(RECORDS FOR PROCESSING begins)

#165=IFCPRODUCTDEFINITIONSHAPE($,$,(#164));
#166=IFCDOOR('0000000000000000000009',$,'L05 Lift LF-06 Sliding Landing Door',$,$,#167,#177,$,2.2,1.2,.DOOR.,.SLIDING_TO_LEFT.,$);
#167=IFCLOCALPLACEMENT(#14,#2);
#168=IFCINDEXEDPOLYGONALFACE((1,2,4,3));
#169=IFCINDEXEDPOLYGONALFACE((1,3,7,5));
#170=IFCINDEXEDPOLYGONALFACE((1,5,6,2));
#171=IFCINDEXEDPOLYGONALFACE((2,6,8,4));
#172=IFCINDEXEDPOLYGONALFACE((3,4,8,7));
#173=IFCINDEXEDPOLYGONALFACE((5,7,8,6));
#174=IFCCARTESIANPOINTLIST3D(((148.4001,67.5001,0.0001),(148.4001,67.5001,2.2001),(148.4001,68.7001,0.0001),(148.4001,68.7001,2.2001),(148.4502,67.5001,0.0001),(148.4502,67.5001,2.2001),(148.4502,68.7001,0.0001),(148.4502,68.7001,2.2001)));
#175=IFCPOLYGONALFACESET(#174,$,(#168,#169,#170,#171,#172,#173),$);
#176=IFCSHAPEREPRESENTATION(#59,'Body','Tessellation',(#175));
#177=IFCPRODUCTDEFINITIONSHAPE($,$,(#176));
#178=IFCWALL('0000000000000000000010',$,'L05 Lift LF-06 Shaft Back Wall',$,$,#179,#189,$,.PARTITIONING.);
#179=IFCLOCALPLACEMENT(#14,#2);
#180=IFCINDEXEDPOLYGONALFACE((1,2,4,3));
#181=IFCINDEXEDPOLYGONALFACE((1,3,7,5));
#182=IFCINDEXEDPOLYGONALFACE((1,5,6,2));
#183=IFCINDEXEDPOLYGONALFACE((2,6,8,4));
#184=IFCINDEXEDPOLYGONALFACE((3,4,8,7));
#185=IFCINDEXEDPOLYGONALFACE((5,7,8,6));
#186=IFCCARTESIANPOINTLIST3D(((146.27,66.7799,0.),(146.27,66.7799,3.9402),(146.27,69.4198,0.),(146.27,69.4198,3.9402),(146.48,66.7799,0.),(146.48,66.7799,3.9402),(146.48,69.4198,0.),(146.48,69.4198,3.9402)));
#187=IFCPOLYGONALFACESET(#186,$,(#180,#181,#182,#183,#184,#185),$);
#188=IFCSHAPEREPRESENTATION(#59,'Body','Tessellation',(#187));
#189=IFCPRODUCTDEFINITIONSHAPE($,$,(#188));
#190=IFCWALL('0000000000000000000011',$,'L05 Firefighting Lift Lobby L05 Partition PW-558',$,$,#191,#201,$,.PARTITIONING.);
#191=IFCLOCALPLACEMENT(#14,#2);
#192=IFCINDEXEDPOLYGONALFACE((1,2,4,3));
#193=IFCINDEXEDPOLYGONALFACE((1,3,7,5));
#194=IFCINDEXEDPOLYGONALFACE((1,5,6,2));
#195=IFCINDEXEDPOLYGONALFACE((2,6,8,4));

(RECORDS FOR PROCESSING ends)
(RECORDS FOR PROCESSING begins)

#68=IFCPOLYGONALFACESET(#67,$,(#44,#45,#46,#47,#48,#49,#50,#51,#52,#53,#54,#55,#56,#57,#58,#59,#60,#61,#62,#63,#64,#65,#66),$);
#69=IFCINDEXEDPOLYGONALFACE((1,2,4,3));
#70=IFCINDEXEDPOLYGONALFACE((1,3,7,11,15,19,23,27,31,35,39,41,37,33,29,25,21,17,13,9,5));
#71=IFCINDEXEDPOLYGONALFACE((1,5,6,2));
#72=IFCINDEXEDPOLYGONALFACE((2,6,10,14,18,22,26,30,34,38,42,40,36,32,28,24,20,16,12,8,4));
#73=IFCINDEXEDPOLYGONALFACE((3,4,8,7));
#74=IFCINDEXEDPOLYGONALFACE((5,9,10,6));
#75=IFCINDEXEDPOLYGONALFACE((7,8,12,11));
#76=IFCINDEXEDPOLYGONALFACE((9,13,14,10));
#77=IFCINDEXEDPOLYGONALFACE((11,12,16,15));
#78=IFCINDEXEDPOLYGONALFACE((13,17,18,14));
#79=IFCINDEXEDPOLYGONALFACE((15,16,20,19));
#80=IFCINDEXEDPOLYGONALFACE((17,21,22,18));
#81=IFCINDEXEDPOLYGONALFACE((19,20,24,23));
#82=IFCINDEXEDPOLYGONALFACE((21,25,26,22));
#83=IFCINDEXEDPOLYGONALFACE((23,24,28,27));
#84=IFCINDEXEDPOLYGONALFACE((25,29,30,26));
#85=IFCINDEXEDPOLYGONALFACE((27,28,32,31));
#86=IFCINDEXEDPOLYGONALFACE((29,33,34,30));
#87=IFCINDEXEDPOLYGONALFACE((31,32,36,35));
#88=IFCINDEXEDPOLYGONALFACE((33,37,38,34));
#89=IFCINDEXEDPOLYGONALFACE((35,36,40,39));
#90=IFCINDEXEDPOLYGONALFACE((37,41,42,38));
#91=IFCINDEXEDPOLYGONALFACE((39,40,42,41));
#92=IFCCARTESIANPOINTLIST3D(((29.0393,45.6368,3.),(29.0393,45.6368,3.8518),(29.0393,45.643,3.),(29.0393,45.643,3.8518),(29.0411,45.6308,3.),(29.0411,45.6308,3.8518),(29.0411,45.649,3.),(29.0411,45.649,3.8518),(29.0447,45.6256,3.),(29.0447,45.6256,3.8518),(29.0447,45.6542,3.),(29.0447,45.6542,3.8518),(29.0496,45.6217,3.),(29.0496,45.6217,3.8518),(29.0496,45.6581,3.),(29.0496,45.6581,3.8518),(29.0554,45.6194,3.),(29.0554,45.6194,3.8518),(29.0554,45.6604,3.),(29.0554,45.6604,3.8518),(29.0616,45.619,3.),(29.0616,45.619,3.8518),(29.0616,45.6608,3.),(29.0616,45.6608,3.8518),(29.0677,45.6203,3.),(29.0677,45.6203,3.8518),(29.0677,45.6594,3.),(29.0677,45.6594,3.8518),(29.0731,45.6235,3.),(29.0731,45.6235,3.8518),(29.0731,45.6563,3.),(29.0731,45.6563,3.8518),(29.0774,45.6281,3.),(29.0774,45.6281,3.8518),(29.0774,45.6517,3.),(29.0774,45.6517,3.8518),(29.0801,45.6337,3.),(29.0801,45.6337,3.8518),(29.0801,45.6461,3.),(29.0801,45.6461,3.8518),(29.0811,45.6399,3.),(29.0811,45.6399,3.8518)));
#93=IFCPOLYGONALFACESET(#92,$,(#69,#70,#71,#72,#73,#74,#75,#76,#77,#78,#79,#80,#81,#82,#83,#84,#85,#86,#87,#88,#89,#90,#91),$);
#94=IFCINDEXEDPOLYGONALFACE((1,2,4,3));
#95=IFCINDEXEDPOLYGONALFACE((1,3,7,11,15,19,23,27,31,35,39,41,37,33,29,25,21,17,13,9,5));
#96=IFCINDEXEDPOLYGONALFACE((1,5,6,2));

(RECORDS FOR PROCESSING ends)

▸ EXERCISE PROMPT: Taking the entries above, restate exactly those lines that fall between the line with "#180=IFCINDEXEDPOLYGONALFACE((1,2,4,3));" and the line with "#189=IFCPRODUCTDEFINITIONSHAPE($,$,(#188));", keeping both of those lines too.

▸ EXERCISE ANSWER:
#180=IFCINDEXEDPOLYGONALFACE((1,2,4,3));
#181=IFCINDEXEDPOLYGONALFACE((1,3,7,5));
#182=IFCINDEXEDPOLYGONALFACE((1,5,6,2));
#183=IFCINDEXEDPOLYGONALFACE((2,6,8,4));
#184=IFCINDEXEDPOLYGONALFACE((3,4,8,7));
#185=IFCINDEXEDPOLYGONALFACE((5,7,8,6));
#186=IFCCARTESIANPOINTLIST3D(((146.27,66.7799,0.),(146.27,66.7799,3.9402),(146.27,69.4198,0.),(146.27,69.4198,3.9402),(146.48,66.7799,0.),(146.48,66.7799,3.9402),(146.48,69.4198,0.),(146.48,69.4198,3.9402)));
#187=IFCPOLYGONALFACESET(#186,$,(#180,#181,#182,#183,#184,#185),$);
#188=IFCSHAPEREPRESENTATION(#59,'Body','Tessellation',(#187));
#189=IFCPRODUCTDEFINITIONSHAPE($,$,(#188));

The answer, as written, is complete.